Your goal:
Among the records below, find each line that includes the string "SHEAR" and copy it.

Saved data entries
== Segment start ==
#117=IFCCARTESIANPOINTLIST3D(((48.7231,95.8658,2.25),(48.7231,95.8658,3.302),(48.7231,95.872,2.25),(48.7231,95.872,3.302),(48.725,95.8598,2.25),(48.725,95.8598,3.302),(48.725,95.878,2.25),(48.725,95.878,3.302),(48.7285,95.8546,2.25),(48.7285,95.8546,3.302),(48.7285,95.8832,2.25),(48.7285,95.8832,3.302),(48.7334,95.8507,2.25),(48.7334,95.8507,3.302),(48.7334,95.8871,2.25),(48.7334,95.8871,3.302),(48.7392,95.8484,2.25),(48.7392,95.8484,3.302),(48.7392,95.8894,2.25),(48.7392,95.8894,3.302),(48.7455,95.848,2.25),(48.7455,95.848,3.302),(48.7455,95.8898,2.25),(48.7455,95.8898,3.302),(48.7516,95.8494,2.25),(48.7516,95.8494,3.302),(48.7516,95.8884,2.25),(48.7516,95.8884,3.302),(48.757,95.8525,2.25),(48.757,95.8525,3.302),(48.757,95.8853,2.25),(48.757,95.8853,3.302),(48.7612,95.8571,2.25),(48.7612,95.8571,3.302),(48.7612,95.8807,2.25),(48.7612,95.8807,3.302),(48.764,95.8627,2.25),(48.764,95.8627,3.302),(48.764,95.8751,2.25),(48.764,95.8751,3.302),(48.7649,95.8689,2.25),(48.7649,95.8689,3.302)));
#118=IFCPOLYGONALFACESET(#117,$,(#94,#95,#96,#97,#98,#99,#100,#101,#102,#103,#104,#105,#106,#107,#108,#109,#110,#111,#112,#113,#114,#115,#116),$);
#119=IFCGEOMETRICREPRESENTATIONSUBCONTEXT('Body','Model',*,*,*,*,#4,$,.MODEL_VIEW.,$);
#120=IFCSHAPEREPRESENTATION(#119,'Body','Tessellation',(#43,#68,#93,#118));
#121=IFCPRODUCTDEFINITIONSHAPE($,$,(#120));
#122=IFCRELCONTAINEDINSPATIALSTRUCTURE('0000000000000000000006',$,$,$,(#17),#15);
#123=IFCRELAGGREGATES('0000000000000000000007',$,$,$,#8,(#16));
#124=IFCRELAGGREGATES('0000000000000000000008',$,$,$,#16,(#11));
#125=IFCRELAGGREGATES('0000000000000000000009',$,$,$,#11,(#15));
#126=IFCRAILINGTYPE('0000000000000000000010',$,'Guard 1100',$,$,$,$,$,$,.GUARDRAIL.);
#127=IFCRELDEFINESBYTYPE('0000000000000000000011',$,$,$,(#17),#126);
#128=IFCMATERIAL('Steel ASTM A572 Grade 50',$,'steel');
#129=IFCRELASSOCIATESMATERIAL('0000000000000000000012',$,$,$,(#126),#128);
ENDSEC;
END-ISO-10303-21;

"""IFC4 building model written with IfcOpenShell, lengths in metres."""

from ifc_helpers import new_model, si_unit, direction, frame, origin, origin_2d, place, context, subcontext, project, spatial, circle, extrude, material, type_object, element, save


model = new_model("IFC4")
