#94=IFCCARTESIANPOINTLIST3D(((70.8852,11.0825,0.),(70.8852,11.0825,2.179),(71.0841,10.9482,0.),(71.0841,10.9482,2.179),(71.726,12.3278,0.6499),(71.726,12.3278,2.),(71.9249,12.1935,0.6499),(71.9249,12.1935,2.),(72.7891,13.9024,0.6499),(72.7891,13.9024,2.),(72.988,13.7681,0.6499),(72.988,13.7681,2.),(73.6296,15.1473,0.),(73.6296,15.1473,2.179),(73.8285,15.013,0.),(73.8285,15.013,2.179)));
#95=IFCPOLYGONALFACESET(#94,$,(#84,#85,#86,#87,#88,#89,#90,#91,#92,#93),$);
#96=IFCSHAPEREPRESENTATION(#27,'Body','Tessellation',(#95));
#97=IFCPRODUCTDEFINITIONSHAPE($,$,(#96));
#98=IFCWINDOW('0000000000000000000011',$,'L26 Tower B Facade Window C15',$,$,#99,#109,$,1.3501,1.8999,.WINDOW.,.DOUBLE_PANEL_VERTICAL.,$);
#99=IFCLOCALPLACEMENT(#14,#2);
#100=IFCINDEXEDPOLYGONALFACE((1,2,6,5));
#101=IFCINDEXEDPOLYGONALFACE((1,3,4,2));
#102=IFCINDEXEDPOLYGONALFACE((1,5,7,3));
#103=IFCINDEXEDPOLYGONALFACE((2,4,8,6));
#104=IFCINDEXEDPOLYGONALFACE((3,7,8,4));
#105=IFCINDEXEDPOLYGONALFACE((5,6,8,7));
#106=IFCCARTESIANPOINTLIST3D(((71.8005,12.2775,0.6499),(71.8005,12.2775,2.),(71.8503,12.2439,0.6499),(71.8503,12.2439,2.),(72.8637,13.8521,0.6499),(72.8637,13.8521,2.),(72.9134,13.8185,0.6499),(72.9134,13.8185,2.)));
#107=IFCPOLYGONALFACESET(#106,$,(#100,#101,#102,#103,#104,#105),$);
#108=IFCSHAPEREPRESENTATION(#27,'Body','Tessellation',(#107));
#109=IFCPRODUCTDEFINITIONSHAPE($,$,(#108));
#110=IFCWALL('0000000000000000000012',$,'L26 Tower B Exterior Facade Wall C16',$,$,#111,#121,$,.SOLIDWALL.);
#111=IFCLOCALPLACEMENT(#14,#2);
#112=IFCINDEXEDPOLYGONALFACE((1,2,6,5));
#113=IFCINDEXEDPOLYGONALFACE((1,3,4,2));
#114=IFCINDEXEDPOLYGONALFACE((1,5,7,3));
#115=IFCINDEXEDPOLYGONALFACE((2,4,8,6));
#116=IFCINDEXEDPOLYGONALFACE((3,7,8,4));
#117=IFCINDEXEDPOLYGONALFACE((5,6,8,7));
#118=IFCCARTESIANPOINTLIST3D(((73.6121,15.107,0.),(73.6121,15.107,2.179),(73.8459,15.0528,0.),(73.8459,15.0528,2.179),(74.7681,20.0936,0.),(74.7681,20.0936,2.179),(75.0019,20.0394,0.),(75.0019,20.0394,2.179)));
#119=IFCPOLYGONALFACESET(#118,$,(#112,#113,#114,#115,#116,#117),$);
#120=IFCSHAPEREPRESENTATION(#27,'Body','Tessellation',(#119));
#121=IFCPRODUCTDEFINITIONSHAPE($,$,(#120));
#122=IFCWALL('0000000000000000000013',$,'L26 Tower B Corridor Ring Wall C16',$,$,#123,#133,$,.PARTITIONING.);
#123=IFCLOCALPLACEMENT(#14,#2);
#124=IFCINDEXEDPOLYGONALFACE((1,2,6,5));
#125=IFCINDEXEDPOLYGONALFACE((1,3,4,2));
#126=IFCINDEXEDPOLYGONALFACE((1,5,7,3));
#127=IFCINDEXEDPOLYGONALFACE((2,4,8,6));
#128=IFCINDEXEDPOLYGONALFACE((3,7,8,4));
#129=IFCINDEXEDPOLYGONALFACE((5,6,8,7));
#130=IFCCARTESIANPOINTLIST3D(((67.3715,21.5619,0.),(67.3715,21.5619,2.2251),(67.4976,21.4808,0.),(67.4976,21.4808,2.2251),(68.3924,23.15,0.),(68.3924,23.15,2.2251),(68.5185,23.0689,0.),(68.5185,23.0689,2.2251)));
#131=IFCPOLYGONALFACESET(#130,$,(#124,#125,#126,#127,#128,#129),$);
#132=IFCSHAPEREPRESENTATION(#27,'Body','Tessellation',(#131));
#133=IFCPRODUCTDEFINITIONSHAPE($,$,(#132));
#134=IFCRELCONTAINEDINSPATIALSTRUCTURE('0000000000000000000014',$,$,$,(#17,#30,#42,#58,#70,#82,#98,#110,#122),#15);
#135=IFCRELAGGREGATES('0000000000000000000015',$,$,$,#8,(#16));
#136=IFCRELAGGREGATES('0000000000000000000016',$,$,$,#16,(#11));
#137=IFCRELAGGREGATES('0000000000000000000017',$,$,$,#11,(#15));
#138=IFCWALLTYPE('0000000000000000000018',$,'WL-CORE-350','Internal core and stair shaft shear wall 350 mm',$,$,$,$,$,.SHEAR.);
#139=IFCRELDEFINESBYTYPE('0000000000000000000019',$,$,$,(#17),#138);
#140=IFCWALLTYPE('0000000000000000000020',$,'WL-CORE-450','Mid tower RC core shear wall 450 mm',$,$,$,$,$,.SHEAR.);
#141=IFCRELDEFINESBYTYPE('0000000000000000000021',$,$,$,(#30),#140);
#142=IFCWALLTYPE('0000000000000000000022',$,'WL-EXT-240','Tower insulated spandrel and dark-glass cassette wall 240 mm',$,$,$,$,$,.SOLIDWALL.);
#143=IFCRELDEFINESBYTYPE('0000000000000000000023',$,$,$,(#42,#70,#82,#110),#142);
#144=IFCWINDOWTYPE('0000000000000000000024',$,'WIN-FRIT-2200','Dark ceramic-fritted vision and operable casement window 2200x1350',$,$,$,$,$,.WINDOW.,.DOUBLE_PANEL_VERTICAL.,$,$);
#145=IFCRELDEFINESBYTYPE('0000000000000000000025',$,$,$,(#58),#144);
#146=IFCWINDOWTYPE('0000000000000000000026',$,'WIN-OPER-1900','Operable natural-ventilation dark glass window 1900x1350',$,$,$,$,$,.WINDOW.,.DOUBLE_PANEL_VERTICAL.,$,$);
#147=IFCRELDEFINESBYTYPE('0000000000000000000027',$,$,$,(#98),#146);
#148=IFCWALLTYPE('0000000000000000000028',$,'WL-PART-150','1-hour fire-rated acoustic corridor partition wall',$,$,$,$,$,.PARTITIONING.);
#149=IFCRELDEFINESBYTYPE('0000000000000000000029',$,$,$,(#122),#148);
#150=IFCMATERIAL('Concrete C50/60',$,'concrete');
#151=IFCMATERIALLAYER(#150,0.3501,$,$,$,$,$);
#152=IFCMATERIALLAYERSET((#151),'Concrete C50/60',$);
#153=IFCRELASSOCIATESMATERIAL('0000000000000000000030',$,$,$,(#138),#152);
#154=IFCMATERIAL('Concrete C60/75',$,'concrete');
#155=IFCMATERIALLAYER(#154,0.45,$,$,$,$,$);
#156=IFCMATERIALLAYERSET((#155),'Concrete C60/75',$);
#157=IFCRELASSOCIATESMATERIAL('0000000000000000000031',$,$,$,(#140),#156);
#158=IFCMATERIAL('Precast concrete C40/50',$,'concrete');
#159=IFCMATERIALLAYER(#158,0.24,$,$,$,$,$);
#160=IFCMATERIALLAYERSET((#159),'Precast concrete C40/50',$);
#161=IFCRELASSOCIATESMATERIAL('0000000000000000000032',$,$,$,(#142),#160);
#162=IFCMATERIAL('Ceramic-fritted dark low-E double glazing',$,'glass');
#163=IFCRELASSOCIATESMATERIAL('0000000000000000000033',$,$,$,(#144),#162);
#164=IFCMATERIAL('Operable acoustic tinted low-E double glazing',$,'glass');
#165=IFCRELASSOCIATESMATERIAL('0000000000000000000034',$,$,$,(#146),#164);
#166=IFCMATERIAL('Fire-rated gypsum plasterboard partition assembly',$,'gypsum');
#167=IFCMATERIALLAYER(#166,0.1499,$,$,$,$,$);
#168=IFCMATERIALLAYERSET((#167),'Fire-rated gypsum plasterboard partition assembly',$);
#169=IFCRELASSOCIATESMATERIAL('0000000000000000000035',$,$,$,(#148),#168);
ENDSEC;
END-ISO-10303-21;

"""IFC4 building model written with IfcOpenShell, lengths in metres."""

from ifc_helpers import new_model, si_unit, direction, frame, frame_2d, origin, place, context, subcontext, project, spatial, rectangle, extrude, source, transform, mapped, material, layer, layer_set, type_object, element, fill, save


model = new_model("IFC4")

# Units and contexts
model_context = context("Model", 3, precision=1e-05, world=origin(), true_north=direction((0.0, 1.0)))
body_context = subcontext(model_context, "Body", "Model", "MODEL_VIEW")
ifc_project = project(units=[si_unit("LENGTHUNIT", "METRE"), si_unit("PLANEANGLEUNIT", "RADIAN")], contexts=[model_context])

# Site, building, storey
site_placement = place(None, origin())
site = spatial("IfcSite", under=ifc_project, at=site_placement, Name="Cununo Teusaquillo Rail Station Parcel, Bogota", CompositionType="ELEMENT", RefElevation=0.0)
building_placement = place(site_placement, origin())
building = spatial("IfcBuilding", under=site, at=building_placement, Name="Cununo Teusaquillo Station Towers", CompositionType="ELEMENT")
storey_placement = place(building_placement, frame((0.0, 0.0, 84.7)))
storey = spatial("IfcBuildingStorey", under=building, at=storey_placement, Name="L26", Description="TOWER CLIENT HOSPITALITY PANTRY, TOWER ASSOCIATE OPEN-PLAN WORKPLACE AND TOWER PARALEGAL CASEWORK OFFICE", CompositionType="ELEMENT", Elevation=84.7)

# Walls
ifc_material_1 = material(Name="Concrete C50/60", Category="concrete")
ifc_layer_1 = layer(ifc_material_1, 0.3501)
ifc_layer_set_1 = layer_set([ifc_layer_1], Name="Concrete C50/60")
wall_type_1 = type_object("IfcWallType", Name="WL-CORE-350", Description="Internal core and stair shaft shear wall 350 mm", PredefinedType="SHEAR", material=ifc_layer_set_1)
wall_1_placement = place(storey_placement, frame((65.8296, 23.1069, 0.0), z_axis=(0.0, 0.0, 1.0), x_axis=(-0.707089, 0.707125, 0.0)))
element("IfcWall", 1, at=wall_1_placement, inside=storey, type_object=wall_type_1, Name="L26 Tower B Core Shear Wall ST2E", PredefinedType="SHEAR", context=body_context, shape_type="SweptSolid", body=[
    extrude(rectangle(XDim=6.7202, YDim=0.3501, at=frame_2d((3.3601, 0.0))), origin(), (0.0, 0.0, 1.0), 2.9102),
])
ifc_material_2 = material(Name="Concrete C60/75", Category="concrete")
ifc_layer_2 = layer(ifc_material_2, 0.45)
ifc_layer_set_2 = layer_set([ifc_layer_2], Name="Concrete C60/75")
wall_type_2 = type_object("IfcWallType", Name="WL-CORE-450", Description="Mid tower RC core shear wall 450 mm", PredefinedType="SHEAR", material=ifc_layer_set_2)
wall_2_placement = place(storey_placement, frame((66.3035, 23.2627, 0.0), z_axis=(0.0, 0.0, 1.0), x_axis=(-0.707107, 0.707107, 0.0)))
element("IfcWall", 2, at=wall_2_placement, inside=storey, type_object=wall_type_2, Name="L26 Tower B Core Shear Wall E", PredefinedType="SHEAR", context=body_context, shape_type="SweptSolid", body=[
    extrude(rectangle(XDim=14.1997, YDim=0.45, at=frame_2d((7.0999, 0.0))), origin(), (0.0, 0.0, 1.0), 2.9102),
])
== Segment end ==
Expected answer:
#138=IFCWALLTYPE('0000000000000000000018',$,'WL-CORE-350','Internal core and stair shaft shear wall 350 mm',$,$,$,$,$,.SHEAR.);
#140=IFCWALLTYPE('0000000000000000000020',$,'WL-CORE-450','Mid tower RC core shear wall 450 mm',$,$,$,$,$,.SHEAR.);
wall_type_1 = type_object("IfcWallType", Name="WL-CORE-350", Description="Internal core and stair shaft shear wall 350 mm", PredefinedType="SHEAR", material=ifc_layer_set_1)
element("IfcWall", 1, at=wall_1_placement, inside=storey, type_object=wall_type_1, Name="L26 Tower B Core Shear Wall ST2E", PredefinedType="SHEAR", context=body_context, shape_type="SweptSolid", body=[
wall_type_2 = type_object("IfcWallType", Name="WL-CORE-450", Description="Mid tower RC core shear wall 450 mm", PredefinedType="SHEAR", material=ifc_layer_set_2)
element("IfcWall", 2, at=wall_2_placement, inside=storey, type_object=wall_type_2, Name="L26 Tower B Core Shear Wall E", PredefinedType="SHEAR", context=body_context, shape_type="SweptSolid", body=[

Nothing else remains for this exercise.